→ Problem to work on: Show all lines of the entries in which the word "Steel" is found.

═════ Available records

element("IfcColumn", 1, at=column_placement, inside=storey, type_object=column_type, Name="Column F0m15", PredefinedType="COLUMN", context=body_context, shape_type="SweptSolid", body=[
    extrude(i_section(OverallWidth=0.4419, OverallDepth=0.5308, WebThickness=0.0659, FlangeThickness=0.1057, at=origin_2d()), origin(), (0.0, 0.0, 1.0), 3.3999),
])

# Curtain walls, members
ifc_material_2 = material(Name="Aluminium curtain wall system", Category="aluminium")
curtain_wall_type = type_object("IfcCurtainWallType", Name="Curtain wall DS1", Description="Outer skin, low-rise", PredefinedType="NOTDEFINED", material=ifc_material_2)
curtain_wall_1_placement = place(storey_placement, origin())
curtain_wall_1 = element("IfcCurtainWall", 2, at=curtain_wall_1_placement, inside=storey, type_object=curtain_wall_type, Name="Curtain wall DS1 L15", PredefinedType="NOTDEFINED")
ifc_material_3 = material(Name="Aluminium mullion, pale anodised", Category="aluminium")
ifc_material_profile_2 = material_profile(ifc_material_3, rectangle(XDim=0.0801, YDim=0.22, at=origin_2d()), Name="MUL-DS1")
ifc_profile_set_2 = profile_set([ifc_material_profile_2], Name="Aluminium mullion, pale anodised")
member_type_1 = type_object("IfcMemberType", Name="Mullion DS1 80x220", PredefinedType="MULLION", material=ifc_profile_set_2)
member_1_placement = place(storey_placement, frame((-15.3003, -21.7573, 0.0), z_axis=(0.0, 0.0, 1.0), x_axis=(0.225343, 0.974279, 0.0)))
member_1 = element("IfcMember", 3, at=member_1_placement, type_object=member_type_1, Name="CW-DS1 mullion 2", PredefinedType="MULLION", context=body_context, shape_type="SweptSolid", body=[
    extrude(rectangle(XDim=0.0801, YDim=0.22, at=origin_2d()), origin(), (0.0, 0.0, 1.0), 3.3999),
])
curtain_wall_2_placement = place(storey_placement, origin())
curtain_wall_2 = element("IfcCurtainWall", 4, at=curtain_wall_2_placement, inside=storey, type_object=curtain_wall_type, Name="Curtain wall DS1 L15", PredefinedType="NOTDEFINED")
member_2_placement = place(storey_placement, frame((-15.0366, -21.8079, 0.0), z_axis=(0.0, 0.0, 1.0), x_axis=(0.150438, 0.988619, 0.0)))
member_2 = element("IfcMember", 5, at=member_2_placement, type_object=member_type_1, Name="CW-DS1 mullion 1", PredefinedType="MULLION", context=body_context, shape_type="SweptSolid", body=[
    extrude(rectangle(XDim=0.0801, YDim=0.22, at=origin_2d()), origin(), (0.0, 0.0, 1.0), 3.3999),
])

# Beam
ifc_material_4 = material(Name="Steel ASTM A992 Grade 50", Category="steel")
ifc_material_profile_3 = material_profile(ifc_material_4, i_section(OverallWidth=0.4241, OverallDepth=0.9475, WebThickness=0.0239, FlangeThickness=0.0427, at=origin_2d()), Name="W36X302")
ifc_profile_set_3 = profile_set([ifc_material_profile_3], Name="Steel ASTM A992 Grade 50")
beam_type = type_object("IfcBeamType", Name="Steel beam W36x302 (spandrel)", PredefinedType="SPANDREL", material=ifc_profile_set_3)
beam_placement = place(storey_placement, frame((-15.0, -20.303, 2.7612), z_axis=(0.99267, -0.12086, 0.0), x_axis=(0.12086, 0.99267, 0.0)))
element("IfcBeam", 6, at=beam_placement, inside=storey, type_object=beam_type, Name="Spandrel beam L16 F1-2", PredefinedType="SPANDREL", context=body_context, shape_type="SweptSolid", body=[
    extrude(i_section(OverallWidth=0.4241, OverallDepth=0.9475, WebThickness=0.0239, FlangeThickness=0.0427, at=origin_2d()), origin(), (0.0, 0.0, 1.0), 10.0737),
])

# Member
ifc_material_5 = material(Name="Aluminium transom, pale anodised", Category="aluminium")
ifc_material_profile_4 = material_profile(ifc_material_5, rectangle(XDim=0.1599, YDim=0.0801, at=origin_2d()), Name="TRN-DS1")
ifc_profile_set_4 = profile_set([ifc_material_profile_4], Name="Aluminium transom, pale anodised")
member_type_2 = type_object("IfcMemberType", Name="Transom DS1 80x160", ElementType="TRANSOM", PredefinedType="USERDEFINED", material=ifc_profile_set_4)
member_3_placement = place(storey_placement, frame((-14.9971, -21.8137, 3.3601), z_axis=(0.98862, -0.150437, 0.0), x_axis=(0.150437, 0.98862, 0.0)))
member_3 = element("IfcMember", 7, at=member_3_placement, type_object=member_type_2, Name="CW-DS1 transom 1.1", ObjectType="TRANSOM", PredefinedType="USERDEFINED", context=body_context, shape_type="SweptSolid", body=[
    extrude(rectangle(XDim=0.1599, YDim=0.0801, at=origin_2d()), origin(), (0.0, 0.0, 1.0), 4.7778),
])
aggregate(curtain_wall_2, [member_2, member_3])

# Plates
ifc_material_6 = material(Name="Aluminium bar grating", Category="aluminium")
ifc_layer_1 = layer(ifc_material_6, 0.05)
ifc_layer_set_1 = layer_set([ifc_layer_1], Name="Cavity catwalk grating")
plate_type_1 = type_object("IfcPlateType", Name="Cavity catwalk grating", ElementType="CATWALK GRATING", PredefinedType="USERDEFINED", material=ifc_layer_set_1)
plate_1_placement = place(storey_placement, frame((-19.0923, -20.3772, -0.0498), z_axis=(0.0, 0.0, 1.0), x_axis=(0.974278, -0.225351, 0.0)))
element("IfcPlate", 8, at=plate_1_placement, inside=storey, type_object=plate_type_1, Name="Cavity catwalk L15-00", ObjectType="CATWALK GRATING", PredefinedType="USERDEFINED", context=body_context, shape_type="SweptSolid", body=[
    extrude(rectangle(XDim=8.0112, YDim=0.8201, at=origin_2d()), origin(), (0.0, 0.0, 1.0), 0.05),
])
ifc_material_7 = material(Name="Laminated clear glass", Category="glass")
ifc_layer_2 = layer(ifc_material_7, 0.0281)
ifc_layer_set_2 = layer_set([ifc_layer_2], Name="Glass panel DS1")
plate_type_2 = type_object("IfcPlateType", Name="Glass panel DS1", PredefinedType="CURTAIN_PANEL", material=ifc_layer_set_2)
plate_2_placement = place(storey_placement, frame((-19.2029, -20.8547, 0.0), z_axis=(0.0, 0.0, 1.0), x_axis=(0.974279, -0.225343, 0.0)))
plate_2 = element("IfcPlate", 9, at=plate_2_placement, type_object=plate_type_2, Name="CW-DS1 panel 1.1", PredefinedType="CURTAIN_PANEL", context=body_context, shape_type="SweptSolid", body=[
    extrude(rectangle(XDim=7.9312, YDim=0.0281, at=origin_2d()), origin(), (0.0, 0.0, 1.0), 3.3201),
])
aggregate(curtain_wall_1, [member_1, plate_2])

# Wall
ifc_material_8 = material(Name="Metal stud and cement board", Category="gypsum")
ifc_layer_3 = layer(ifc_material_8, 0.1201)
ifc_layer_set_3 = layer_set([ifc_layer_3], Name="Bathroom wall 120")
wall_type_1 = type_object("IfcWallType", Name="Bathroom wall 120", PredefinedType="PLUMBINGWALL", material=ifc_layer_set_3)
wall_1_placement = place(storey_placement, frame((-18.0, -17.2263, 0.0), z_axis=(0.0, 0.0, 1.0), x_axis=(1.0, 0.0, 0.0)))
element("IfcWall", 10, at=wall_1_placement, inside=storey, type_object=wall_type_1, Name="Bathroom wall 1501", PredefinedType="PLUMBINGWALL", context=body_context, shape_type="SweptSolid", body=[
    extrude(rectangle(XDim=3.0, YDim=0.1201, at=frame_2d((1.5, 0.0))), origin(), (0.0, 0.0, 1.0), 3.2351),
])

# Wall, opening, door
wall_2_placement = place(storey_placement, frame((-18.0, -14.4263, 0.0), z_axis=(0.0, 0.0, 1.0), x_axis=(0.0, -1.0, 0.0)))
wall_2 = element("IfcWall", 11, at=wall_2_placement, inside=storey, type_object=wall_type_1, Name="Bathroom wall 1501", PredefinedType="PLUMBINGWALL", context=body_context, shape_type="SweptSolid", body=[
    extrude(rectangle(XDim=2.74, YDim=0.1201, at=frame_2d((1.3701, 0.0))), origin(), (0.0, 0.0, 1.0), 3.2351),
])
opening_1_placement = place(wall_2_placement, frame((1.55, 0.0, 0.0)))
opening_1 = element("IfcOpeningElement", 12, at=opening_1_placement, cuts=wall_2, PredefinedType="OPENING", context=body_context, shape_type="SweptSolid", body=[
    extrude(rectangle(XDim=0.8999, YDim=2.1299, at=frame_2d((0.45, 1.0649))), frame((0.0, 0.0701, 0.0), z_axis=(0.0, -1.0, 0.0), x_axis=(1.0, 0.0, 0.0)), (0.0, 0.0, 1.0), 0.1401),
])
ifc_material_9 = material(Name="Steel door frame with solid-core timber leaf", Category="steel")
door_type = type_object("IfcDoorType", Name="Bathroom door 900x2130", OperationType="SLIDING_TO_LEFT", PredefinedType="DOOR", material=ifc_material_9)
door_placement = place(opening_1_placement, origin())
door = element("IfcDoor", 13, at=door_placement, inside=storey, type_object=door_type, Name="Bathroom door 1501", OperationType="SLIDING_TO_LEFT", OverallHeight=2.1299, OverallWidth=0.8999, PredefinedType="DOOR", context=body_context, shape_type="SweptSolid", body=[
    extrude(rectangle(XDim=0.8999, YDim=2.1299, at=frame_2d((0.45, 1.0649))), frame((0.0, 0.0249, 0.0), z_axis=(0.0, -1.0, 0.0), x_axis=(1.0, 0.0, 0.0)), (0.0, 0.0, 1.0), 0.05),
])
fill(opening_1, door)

══════════

→ Output for this exercise:
ifc_material_4 = material(Name="Steel ASTM A992 Grade 50", Category="steel")
ifc_profile_set_3 = profile_set([ifc_material_profile_3], Name="Steel ASTM A992 Grade 50")
beam_type = type_object("IfcBeamType", Name="Steel beam W36x302 (spandrel)", PredefinedType="SPANDREL", material=ifc_profile_set_3)
ifc_material_9 = material(Name="Steel door frame with solid-core timber leaf", Category="steel")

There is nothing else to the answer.